_Work task_. Within the records below, filter for lines carrying the word "kind" and copy them.

>>>>

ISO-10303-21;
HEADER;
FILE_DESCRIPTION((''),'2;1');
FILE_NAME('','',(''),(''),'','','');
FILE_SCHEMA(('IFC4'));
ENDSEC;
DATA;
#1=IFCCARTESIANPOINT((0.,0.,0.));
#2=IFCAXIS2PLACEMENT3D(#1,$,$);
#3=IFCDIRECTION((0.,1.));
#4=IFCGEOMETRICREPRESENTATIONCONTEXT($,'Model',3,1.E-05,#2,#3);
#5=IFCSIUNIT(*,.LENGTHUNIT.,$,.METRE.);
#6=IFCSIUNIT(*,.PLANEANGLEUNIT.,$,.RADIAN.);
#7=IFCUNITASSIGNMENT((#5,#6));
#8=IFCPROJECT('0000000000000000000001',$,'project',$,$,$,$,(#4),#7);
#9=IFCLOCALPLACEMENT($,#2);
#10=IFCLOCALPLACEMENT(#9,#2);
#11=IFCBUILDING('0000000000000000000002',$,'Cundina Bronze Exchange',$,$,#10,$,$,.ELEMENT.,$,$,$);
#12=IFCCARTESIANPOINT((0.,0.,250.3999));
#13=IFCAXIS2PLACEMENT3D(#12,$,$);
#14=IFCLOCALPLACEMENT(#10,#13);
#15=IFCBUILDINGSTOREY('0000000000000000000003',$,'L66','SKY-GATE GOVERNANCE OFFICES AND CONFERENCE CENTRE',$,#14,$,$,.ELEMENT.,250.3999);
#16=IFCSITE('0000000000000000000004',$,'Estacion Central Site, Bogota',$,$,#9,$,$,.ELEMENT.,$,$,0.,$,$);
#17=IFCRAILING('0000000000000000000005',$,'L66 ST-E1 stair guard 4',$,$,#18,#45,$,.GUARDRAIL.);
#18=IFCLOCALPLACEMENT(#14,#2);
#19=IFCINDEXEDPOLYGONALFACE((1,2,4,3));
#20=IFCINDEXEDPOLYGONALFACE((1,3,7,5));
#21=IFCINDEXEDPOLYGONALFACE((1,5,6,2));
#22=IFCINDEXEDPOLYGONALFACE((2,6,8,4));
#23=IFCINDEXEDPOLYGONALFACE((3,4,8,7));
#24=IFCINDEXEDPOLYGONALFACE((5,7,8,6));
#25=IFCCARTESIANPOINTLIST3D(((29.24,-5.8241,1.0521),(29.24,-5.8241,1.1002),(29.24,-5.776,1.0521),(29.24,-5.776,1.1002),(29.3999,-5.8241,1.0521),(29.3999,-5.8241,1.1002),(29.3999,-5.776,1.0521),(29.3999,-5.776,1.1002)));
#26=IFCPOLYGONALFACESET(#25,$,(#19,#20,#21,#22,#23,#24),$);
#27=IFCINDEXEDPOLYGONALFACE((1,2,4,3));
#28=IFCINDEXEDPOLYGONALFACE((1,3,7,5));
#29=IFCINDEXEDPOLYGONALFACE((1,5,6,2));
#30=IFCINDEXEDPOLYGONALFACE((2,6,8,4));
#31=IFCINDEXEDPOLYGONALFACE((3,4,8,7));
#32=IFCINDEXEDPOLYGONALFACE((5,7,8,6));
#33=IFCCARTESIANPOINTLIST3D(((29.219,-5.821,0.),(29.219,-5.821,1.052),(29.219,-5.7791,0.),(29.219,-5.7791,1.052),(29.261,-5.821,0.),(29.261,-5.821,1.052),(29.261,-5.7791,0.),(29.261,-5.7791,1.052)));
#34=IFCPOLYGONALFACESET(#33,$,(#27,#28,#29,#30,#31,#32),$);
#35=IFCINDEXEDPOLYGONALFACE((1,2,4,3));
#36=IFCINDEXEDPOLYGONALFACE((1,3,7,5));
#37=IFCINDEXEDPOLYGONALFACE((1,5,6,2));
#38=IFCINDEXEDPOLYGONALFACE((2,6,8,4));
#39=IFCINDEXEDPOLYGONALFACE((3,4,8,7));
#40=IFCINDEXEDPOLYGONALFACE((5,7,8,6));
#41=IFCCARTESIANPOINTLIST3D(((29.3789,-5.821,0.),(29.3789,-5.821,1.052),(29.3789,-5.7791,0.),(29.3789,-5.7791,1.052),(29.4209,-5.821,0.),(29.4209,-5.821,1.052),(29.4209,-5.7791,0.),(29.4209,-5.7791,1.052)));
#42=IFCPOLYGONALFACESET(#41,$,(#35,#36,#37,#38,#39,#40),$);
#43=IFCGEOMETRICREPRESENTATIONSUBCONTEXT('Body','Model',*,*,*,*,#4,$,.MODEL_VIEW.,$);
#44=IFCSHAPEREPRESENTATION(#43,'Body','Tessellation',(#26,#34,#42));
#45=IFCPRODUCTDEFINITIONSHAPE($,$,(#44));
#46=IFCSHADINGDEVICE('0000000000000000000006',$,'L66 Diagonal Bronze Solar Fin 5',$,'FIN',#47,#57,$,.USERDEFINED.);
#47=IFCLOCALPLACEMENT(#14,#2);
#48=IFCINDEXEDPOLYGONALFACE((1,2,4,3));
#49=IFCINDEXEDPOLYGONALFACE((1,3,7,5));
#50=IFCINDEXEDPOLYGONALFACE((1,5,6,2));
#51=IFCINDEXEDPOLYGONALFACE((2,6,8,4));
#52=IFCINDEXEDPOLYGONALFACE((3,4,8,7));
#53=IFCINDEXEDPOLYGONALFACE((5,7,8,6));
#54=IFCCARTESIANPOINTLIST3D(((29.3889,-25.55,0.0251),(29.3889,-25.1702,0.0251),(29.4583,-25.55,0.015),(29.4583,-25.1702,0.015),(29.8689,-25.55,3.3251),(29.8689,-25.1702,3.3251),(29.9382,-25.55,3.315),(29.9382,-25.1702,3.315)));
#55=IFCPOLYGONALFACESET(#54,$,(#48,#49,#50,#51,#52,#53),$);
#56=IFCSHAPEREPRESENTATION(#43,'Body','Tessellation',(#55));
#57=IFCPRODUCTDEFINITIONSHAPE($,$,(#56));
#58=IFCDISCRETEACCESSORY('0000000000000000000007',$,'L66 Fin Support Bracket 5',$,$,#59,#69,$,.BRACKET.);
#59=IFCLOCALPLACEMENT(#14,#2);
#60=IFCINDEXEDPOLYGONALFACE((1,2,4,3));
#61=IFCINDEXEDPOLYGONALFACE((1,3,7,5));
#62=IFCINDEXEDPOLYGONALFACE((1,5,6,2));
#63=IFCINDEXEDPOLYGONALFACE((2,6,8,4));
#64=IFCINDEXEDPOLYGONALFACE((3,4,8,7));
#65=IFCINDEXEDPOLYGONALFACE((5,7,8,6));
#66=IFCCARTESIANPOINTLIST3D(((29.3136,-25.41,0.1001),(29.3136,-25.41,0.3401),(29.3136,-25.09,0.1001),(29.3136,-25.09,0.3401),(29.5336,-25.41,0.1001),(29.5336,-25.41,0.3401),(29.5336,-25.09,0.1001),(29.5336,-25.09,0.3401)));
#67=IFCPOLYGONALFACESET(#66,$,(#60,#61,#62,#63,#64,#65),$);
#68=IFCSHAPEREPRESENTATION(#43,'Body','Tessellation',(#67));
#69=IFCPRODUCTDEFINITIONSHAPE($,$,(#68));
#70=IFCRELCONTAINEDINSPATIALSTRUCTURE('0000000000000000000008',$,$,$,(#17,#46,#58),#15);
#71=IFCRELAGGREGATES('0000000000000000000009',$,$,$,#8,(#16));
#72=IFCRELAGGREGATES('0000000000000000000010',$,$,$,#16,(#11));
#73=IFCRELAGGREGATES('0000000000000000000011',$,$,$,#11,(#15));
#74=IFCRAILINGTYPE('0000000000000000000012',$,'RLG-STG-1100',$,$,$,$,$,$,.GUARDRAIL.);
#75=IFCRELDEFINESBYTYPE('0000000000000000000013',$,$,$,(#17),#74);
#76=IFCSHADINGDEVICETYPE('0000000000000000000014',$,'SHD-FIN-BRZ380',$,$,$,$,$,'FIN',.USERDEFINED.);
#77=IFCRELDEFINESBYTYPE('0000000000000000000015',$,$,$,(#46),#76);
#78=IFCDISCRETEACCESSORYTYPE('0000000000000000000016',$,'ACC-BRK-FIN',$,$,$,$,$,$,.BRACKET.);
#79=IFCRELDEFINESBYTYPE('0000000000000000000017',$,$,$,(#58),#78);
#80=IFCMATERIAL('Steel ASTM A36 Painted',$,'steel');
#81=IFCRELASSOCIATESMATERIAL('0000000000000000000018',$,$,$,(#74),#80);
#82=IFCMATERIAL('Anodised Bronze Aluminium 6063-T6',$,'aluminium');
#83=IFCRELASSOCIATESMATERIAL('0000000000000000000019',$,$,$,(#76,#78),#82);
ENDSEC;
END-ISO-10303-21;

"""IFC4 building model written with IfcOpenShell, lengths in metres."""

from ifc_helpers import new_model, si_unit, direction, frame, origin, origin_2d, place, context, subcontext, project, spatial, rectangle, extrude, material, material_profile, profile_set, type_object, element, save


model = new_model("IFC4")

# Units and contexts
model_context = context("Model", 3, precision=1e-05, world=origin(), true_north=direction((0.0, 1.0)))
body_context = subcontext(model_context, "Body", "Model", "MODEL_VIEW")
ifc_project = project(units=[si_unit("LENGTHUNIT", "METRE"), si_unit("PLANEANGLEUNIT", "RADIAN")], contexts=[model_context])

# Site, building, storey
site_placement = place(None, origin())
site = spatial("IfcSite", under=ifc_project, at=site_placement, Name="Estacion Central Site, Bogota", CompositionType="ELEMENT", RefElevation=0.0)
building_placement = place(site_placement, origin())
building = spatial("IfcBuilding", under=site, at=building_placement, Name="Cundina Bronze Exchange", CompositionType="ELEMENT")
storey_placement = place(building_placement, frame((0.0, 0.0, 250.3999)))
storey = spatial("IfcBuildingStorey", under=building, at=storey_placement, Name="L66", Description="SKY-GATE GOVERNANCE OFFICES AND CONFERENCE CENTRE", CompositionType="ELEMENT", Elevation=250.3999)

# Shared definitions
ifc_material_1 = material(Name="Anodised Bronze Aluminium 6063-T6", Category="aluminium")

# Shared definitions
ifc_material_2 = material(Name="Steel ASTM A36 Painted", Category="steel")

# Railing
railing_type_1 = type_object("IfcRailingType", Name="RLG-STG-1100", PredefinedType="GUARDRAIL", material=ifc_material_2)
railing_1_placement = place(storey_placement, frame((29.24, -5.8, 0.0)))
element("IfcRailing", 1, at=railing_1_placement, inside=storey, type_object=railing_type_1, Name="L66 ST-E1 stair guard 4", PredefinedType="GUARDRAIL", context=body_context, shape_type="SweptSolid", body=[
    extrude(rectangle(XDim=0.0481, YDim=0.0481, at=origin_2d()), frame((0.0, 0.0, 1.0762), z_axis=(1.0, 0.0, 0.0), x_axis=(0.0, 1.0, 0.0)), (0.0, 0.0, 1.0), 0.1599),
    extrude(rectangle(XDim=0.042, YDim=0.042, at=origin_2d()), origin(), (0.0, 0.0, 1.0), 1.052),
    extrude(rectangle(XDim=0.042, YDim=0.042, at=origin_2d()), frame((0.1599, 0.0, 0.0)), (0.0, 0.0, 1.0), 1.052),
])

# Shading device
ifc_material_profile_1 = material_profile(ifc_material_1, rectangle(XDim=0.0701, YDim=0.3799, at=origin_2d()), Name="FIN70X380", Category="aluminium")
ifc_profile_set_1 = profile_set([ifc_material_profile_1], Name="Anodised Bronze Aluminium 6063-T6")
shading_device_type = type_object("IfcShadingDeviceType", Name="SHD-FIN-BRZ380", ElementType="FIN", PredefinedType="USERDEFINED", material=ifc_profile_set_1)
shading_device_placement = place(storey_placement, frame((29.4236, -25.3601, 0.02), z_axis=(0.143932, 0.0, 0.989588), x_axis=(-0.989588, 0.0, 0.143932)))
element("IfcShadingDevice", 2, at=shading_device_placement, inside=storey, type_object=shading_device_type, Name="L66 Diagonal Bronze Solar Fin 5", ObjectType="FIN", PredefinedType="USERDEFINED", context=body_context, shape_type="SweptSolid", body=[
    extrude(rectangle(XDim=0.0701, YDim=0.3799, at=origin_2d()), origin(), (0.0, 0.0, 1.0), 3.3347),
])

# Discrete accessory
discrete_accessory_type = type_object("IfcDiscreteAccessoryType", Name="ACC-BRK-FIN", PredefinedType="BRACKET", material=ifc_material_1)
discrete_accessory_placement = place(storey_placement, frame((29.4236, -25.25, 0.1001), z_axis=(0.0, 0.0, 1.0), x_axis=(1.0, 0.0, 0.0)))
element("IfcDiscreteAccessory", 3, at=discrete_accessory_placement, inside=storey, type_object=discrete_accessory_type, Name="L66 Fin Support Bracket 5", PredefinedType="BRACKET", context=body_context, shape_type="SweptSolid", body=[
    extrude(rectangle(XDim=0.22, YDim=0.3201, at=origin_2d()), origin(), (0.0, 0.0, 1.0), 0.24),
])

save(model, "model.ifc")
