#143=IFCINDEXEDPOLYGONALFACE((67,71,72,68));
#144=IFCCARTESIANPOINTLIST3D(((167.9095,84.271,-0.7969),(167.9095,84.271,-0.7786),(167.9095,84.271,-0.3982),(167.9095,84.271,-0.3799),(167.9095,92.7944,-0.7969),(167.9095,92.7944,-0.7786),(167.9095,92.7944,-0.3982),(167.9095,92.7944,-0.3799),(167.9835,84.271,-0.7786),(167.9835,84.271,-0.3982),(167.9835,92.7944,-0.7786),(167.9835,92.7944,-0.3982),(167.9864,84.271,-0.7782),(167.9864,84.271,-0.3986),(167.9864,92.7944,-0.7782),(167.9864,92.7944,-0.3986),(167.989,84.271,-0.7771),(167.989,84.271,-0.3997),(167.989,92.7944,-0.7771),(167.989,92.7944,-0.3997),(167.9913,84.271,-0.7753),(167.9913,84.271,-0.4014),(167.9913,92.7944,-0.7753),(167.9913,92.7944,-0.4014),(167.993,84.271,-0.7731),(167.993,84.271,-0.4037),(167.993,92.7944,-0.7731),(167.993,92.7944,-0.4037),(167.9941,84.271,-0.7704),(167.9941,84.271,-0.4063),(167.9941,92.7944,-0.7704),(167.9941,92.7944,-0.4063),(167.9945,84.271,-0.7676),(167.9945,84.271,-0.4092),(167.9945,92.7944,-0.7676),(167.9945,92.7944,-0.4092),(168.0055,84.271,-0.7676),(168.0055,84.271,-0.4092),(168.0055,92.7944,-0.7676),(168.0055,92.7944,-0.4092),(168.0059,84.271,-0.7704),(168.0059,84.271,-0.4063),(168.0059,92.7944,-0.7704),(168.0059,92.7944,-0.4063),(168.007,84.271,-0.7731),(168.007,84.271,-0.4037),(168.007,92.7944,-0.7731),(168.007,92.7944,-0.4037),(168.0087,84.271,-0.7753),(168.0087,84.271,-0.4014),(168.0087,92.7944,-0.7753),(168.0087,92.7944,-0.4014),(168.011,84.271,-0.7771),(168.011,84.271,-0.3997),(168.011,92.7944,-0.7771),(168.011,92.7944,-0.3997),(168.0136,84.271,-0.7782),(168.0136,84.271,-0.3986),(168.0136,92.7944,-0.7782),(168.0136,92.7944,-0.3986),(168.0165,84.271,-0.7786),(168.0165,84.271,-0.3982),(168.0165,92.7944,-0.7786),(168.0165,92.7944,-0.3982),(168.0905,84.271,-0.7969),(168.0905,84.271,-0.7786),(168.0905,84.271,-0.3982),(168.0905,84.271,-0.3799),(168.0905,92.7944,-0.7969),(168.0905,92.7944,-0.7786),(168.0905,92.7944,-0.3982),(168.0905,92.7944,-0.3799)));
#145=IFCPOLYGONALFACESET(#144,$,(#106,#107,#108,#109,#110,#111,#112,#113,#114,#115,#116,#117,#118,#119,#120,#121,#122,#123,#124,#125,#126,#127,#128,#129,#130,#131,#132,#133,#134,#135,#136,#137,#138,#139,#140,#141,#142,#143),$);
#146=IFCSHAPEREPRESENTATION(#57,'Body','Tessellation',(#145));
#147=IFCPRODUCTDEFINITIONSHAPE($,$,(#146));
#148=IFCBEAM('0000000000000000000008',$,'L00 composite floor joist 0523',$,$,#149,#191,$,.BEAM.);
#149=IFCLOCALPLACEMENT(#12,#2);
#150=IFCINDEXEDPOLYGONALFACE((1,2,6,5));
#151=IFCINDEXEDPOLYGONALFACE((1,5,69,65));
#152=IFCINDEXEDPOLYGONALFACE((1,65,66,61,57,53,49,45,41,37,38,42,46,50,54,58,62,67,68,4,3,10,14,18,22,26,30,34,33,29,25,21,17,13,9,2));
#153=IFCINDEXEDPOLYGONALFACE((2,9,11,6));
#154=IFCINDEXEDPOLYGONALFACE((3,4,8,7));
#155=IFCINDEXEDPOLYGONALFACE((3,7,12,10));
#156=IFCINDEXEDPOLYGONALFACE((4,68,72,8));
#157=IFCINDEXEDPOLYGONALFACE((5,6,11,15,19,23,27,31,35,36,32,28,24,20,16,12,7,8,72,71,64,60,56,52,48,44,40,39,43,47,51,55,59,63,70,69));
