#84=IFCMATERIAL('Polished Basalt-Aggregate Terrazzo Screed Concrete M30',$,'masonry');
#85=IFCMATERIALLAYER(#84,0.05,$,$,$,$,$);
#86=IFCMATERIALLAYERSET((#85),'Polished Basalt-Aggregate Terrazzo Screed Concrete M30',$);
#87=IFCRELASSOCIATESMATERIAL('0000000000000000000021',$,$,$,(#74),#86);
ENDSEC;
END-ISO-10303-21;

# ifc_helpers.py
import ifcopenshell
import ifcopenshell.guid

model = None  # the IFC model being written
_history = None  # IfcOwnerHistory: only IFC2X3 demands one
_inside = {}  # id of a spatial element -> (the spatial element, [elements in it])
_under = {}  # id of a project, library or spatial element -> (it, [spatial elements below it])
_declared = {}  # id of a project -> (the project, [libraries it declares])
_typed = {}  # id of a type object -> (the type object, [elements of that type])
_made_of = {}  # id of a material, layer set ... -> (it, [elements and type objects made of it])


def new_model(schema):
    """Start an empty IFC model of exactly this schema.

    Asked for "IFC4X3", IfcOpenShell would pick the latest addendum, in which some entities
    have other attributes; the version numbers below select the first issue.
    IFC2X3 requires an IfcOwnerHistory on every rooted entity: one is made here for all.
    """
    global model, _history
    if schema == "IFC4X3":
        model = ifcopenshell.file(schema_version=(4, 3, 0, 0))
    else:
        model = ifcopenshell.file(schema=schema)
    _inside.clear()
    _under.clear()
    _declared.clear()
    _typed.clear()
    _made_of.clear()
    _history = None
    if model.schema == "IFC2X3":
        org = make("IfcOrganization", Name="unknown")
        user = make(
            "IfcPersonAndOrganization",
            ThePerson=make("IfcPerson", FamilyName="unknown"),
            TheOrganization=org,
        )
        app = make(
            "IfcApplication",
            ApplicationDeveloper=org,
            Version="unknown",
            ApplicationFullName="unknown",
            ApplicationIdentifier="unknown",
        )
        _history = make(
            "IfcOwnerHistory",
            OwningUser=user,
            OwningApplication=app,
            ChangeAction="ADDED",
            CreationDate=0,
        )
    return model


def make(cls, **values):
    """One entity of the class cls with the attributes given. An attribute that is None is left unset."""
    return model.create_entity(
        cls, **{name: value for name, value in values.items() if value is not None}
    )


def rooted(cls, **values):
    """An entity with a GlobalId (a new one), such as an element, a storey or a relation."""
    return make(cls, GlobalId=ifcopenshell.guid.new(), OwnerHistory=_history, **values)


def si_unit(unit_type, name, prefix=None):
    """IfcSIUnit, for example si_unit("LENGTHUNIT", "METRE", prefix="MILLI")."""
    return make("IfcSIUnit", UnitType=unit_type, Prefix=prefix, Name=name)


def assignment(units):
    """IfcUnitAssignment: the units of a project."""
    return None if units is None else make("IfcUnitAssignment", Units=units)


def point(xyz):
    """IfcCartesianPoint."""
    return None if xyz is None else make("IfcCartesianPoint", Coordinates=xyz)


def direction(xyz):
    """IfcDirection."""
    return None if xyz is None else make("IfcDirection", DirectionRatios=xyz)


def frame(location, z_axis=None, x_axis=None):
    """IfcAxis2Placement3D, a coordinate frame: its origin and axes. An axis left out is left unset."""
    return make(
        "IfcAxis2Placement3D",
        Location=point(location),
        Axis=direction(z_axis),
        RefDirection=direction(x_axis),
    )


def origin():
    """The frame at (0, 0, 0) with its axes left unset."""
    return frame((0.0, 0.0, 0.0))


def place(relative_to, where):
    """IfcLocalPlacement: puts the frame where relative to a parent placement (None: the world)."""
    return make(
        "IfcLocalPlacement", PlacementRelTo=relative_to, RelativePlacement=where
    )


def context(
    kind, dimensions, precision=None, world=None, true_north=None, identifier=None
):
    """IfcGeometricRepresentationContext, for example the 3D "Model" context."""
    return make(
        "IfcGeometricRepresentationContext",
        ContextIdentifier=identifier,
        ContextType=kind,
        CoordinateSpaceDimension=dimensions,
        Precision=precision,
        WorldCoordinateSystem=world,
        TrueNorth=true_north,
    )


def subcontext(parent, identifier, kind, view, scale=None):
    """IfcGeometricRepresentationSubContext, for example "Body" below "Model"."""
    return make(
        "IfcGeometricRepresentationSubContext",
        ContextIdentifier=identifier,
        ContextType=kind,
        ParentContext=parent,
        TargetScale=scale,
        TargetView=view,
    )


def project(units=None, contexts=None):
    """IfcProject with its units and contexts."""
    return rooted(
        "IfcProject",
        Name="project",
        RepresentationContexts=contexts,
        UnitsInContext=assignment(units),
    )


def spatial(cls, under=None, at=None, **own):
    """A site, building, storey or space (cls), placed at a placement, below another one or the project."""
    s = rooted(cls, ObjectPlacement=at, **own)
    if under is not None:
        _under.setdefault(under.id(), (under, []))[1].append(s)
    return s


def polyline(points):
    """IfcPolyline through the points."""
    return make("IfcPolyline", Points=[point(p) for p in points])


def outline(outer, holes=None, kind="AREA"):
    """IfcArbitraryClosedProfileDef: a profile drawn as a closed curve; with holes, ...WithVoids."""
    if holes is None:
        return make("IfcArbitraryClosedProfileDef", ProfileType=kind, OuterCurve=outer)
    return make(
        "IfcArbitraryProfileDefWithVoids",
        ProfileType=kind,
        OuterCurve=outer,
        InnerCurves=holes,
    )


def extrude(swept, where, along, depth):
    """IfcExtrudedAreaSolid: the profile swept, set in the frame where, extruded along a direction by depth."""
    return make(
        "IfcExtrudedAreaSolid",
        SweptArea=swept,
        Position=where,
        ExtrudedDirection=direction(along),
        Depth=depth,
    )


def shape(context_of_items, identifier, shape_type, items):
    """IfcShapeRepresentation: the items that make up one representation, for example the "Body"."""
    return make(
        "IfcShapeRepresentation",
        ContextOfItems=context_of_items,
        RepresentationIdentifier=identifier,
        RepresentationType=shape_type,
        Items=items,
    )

<<<<

_Solution to this task_.
    kind, dimensions, precision=None, world=None, true_north=None, identifier=None
        ContextType=kind,
def subcontext(parent, identifier, kind, view, scale=None):
        ContextType=kind,
def outline(outer, holes=None, kind="AREA"):
        return make("IfcArbitraryClosedProfileDef", ProfileType=kind, OuterCurve=outer)
        ProfileType=kind,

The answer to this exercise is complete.